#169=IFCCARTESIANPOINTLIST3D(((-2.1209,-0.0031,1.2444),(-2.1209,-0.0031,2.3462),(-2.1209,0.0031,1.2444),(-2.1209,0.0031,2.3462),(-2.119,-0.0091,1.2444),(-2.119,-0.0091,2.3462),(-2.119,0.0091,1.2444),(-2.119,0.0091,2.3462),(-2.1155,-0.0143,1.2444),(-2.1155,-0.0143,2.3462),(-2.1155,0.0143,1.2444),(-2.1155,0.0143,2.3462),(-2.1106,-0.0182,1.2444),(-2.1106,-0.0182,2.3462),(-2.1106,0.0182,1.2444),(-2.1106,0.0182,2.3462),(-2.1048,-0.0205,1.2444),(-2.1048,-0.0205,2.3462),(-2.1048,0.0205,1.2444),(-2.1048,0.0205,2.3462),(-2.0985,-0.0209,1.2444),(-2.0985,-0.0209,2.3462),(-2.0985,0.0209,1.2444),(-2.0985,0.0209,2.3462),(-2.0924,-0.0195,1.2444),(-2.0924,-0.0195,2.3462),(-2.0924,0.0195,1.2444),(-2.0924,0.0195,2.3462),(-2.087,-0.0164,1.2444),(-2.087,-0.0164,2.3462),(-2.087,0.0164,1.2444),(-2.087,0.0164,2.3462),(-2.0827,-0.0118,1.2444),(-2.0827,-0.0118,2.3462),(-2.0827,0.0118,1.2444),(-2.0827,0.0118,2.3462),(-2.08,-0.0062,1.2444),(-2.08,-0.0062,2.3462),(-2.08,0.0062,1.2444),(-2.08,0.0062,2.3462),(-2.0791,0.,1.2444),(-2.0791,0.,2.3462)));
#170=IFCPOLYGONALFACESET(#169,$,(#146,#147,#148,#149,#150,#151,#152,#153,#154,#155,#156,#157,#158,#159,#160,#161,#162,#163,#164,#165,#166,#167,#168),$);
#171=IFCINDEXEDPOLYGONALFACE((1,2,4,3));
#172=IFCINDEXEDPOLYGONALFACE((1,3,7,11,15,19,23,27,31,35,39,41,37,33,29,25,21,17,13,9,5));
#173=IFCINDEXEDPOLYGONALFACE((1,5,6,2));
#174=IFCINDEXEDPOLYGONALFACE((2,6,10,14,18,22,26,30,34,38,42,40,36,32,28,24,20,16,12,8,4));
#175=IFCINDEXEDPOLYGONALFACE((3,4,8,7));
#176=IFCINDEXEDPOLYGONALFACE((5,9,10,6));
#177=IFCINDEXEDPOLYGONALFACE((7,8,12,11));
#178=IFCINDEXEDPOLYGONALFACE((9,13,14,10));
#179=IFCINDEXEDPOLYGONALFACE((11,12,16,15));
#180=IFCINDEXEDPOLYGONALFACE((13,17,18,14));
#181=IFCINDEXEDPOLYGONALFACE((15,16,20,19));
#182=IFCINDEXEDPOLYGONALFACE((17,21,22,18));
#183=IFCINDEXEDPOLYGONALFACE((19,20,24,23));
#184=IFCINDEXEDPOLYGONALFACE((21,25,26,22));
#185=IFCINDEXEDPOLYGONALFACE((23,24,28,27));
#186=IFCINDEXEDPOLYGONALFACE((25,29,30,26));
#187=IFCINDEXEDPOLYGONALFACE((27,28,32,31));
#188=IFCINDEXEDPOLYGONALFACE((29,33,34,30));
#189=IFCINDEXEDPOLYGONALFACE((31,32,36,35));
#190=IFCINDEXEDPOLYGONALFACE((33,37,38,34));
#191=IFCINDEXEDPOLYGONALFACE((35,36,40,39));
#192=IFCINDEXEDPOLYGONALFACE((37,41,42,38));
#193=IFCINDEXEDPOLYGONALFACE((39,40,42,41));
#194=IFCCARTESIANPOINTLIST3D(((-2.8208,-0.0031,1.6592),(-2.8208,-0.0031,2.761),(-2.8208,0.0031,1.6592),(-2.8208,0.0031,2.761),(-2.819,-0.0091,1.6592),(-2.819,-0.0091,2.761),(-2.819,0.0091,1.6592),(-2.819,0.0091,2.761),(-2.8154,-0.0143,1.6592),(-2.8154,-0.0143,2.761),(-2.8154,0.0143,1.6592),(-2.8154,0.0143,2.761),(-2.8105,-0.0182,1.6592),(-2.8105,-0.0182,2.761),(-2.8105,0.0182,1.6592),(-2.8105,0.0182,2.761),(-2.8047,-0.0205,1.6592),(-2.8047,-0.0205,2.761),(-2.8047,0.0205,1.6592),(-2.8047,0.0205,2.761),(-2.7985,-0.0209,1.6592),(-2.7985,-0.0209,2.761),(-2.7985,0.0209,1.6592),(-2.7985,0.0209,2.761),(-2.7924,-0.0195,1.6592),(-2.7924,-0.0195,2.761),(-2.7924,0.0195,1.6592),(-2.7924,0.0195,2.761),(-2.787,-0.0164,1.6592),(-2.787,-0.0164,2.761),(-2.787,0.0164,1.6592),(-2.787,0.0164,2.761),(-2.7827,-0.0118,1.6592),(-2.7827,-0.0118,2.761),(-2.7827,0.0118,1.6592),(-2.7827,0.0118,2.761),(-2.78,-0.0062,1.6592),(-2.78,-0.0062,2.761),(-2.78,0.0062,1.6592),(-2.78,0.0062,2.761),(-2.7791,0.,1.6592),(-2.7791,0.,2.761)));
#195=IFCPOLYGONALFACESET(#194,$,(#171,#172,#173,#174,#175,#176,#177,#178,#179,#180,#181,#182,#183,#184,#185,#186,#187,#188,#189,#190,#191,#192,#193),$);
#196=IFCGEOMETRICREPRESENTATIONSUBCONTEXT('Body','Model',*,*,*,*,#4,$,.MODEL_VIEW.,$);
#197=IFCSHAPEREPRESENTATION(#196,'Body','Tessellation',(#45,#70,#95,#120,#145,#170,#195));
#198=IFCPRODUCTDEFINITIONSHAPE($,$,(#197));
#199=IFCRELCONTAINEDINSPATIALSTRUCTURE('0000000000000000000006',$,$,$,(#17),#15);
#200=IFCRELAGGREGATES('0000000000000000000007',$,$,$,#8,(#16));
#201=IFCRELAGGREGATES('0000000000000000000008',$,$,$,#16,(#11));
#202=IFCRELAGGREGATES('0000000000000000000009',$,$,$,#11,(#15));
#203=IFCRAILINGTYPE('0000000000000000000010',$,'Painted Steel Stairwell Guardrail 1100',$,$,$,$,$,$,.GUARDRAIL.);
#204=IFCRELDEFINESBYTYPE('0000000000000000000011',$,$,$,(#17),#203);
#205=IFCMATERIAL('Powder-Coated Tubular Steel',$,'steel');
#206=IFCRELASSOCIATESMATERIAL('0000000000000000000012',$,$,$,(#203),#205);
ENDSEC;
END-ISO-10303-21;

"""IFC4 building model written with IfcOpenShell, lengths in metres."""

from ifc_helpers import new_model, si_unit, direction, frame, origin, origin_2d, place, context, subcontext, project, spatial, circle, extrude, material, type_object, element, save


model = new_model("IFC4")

──────────────────────────────

* _PROBLEM DESCRIPTION_: Find the word "IFCPOLYGONALFACESET" in the records. Copy every line it appears in.

* _TASK ANSWER_:
#170=IFCPOLYGONALFACESET(#169,$,(#146,#147,#148,#149,#150,#151,#152,#153,#154,#155,#156,#157,#158,#159,#160,#161,#162,#163,#164,#165,#166,#167,#168),$);
#195=IFCPOLYGONALFACESET(#194,$,(#171,#172,#173,#174,#175,#176,#177,#178,#179,#180,#181,#182,#183,#184,#185,#186,#187,#188,#189,#190,#191,#192,#193),$);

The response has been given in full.